_PROBLEM STATEMENT_. Would you output the entries below only from the line containing "#185=IFCLOCALPLACEMENT(#14,#2);" through the line containing "#216=IFCMATERIAL('Steel S460M',$,'steel');", exactly as they stand and with both ends included?
[Opening SOURCE RECORDS section]
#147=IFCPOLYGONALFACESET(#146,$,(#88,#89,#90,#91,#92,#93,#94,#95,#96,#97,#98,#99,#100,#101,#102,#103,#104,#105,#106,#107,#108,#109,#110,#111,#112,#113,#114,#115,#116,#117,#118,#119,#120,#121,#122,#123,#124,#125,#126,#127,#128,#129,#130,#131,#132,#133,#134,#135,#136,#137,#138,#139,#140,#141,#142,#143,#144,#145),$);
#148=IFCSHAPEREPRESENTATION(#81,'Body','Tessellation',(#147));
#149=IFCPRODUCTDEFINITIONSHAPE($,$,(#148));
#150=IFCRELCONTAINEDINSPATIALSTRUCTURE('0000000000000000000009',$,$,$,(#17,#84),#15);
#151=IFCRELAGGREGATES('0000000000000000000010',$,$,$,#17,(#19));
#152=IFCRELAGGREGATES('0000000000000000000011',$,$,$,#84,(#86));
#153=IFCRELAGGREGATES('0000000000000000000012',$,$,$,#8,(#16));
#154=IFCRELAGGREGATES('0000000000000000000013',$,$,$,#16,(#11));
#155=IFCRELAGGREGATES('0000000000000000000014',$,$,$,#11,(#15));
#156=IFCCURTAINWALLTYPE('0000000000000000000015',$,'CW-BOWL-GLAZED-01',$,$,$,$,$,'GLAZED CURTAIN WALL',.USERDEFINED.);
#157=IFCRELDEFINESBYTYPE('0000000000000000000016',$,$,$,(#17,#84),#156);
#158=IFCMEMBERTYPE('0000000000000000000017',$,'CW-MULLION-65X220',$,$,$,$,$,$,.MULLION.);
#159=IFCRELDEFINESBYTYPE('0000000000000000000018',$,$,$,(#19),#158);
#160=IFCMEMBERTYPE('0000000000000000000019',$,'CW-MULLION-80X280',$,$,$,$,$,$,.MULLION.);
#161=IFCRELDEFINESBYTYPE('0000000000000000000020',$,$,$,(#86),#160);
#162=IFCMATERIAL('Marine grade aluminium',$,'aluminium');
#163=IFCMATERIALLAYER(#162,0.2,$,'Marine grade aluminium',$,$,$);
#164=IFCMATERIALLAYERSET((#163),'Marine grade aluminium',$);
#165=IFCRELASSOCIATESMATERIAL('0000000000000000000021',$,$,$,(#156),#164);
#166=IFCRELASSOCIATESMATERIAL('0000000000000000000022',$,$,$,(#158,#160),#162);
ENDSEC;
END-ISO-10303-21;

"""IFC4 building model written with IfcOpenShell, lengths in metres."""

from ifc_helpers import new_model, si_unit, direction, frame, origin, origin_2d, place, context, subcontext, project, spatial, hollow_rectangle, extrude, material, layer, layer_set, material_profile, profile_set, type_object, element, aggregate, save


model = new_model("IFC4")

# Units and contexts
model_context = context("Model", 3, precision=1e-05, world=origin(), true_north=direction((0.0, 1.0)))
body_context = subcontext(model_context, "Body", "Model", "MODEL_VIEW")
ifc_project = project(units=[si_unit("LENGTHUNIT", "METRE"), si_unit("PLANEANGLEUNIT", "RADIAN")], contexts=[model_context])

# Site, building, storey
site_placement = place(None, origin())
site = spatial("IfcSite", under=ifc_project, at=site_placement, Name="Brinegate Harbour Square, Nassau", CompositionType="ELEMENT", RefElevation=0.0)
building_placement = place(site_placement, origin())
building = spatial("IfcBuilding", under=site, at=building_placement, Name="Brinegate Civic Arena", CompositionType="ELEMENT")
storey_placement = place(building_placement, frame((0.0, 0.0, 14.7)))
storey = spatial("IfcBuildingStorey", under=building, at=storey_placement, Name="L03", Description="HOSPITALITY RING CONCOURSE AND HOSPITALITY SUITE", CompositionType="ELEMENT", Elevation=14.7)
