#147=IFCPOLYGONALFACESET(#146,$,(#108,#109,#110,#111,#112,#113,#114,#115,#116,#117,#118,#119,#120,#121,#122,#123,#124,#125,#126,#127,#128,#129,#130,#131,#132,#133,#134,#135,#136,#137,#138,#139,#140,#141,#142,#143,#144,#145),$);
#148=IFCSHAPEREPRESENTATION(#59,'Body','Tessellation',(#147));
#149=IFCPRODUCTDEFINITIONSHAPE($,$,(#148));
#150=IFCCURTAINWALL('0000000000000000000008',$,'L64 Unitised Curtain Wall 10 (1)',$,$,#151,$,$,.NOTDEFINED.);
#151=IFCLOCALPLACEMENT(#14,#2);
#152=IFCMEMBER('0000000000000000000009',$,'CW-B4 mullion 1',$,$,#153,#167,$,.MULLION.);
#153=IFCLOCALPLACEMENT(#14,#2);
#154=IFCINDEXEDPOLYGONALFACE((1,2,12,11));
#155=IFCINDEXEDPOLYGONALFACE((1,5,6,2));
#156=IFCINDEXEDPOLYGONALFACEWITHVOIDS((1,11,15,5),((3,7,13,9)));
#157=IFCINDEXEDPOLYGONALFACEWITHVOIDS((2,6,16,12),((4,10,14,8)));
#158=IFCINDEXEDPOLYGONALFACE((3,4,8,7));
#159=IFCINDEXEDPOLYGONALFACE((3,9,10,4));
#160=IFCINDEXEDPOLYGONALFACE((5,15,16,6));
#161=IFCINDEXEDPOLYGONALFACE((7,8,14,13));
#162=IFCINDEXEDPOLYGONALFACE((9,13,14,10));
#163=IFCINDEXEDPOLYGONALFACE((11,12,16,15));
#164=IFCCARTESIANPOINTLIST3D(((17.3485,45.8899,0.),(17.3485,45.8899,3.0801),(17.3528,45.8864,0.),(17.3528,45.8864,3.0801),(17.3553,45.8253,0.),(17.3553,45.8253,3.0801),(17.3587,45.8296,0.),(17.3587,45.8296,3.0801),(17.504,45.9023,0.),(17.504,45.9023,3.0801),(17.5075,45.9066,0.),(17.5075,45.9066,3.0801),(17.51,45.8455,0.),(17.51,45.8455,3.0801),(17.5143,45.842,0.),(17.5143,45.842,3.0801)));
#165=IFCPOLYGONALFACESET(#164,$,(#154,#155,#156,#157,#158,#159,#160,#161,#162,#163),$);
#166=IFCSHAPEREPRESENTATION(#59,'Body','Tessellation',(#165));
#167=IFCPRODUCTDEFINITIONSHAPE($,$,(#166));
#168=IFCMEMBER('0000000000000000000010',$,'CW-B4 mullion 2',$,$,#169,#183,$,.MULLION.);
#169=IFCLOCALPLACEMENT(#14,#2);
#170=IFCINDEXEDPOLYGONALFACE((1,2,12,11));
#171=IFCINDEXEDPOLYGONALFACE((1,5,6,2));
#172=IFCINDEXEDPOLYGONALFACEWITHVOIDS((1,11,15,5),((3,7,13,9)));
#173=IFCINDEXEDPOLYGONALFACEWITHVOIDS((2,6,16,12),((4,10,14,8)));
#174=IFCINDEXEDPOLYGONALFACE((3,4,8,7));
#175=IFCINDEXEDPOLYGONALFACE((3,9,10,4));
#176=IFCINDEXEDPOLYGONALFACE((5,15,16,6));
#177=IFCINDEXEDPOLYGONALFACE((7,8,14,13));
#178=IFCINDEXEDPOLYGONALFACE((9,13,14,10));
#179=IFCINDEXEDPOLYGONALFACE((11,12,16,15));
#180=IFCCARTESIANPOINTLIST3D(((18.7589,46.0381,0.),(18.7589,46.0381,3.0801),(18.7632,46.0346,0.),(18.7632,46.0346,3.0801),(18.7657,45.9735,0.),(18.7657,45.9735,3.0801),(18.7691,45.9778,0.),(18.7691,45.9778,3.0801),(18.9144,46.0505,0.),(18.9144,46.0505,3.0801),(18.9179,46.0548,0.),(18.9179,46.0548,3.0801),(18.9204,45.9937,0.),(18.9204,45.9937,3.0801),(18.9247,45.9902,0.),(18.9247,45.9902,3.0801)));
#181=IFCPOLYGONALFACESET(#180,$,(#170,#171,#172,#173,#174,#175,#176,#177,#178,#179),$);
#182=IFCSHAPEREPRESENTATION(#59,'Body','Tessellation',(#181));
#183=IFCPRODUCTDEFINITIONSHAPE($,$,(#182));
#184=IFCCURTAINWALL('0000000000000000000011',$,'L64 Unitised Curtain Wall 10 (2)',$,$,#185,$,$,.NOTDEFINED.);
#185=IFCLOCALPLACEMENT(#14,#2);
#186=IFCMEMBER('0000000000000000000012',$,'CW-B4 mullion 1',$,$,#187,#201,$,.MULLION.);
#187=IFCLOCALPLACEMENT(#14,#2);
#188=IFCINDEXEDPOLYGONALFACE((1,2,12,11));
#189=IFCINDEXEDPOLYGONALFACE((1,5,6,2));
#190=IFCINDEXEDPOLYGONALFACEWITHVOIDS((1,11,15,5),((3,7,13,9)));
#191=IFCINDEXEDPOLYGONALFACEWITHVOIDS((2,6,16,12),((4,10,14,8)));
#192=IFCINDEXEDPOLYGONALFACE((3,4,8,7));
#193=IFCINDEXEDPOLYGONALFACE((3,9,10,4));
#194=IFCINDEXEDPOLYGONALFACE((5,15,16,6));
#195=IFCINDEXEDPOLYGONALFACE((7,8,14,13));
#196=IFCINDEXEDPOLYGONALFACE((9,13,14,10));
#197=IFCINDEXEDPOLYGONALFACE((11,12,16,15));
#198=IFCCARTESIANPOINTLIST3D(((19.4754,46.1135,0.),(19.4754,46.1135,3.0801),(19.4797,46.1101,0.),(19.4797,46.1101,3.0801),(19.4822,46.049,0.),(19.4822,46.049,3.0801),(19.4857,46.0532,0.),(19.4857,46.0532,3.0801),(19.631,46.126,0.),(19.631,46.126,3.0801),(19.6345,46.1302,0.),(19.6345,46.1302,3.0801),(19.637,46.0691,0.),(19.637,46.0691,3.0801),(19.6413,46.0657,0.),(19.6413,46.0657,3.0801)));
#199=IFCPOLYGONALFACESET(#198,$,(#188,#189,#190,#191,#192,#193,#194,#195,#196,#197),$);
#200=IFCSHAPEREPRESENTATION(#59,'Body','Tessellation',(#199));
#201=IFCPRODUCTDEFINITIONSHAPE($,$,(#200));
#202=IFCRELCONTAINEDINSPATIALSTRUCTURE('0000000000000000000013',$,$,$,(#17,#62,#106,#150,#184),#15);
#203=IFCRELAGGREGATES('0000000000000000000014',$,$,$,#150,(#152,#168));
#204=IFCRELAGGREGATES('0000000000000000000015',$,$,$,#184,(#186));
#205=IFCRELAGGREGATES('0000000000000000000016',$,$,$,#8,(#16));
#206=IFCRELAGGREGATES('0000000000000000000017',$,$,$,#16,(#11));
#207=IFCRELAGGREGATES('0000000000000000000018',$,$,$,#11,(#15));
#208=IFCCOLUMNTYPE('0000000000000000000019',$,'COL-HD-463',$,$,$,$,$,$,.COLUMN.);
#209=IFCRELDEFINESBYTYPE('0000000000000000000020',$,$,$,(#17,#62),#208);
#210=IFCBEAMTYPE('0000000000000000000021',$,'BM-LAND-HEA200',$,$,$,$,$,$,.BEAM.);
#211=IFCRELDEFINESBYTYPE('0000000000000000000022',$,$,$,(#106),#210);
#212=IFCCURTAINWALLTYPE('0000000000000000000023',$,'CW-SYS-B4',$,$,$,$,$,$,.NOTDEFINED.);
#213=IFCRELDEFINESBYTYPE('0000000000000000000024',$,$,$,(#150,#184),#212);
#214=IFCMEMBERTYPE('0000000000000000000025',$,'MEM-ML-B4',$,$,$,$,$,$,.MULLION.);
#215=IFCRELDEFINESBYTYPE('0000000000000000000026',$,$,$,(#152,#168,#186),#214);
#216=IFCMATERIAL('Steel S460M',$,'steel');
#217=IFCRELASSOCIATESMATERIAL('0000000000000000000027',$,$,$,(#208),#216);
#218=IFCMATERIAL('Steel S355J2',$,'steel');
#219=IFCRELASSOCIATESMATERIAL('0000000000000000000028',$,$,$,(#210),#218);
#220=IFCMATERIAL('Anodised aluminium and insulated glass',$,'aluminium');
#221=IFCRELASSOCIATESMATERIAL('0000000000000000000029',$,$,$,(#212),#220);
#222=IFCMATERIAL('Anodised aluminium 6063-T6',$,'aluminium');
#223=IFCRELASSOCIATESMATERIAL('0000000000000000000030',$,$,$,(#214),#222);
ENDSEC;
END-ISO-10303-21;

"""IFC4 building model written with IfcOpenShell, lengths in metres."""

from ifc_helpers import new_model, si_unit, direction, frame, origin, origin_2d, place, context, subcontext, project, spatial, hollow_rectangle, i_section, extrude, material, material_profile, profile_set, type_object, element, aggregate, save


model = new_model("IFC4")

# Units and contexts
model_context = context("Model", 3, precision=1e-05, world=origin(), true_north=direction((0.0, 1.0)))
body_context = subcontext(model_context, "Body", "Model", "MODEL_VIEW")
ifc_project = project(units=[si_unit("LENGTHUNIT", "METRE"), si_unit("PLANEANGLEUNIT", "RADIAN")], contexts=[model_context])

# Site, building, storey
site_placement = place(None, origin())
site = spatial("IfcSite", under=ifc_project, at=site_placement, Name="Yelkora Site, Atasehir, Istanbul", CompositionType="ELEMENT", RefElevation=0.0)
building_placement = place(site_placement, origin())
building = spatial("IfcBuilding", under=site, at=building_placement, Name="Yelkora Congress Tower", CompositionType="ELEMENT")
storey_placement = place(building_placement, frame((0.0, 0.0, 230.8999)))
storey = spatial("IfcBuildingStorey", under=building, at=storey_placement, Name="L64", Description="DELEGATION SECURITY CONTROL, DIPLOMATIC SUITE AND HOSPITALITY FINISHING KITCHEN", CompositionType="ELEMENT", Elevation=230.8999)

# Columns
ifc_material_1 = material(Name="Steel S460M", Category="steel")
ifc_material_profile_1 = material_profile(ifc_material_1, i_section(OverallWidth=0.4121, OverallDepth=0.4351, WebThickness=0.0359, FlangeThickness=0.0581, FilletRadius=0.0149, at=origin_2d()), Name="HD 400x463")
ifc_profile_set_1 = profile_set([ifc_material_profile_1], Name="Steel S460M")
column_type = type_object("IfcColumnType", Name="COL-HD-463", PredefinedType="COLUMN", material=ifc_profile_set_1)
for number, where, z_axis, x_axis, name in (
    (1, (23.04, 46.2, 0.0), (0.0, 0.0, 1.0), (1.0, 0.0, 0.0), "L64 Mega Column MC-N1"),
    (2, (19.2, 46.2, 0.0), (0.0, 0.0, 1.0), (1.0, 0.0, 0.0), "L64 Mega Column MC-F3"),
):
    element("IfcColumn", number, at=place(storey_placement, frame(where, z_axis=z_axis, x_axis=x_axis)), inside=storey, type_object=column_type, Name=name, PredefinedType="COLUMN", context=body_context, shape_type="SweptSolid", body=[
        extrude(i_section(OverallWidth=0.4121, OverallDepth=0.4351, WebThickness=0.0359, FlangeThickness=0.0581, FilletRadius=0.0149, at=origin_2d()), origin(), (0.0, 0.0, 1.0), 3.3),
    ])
[Closing SOURCE RECORDS section]
_RESULT OF THE EXERCISE_.
#185=IFCLOCALPLACEMENT(#14,#2);
#186=IFCMEMBER('0000000000000000000012',$,'CW-B4 mullion 1',$,$,#187,#201,$,.MULLION.);
#187=IFCLOCALPLACEMENT(#14,#2);
#188=IFCINDEXEDPOLYGONALFACE((1,2,12,11));
#189=IFCINDEXEDPOLYGONALFACE((1,5,6,2));
#190=IFCINDEXEDPOLYGONALFACEWITHVOIDS((1,11,15,5),((3,7,13,9)));
#191=IFCINDEXEDPOLYGONALFACEWITHVOIDS((2,6,16,12),((4,10,14,8)));
#192=IFCINDEXEDPOLYGONALFACE((3,4,8,7));
#193=IFCINDEXEDPOLYGONALFACE((3,9,10,4));
#194=IFCINDEXEDPOLYGONALFACE((5,15,16,6));
#195=IFCINDEXEDPOLYGONALFACE((7,8,14,13));
#196=IFCINDEXEDPOLYGONALFACE((9,13,14,10));
#197=IFCINDEXEDPOLYGONALFACE((11,12,16,15));
#198=IFCCARTESIANPOINTLIST3D(((19.4754,46.1135,0.),(19.4754,46.1135,3.0801),(19.4797,46.1101,0.),(19.4797,46.1101,3.0801),(19.4822,46.049,0.),(19.4822,46.049,3.0801),(19.4857,46.0532,0.),(19.4857,46.0532,3.0801),(19.631,46.126,0.),(19.631,46.126,3.0801),(19.6345,46.1302,0.),(19.6345,46.1302,3.0801),(19.637,46.0691,0.),(19.637,46.0691,3.0801),(19.6413,46.0657,0.),(19.6413,46.0657,3.0801)));
#199=IFCPOLYGONALFACESET(#198,$,(#188,#189,#190,#191,#192,#193,#194,#195,#196,#197),$);
#200=IFCSHAPEREPRESENTATION(#59,'Body','Tessellation',(#199));
#201=IFCPRODUCTDEFINITIONSHAPE($,$,(#200));
#202=IFCRELCONTAINEDINSPATIALSTRUCTURE('0000000000000000000013',$,$,$,(#17,#62,#106,#150,#184),#15);
#203=IFCRELAGGREGATES('0000000000000000000014',$,$,$,#150,(#152,#168));
#204=IFCRELAGGREGATES('0000000000000000000015',$,$,$,#184,(#186));
#205=IFCRELAGGREGATES('0000000000000000000016',$,$,$,#8,(#16));
#206=IFCRELAGGREGATES('0000000000000000000017',$,$,$,#16,(#11));
#207=IFCRELAGGREGATES('0000000000000000000018',$,$,$,#11,(#15));
#208=IFCCOLUMNTYPE('0000000000000000000019',$,'COL-HD-463',$,$,$,$,$,$,.COLUMN.);
#209=IFCRELDEFINESBYTYPE('0000000000000000000020',$,$,$,(#17,#62),#208);
#210=IFCBEAMTYPE('0000000000000000000021',$,'BM-LAND-HEA200',$,$,$,$,$,$,.BEAM.);
#211=IFCRELDEFINESBYTYPE('0000000000000000000022',$,$,$,(#106),#210);
#212=IFCCURTAINWALLTYPE('0000000000000000000023',$,'CW-SYS-B4',$,$,$,$,$,$,.NOTDEFINED.);
#213=IFCRELDEFINESBYTYPE('0000000000000000000024',$,$,$,(#150,#184),#212);
#214=IFCMEMBERTYPE('0000000000000000000025',$,'MEM-ML-B4',$,$,$,$,$,$,.MULLION.);
#215=IFCRELDEFINESBYTYPE('0000000000000000000026',$,$,$,(#152,#168,#186),#214);
#216=IFCMATERIAL('Steel S460M',$,'steel');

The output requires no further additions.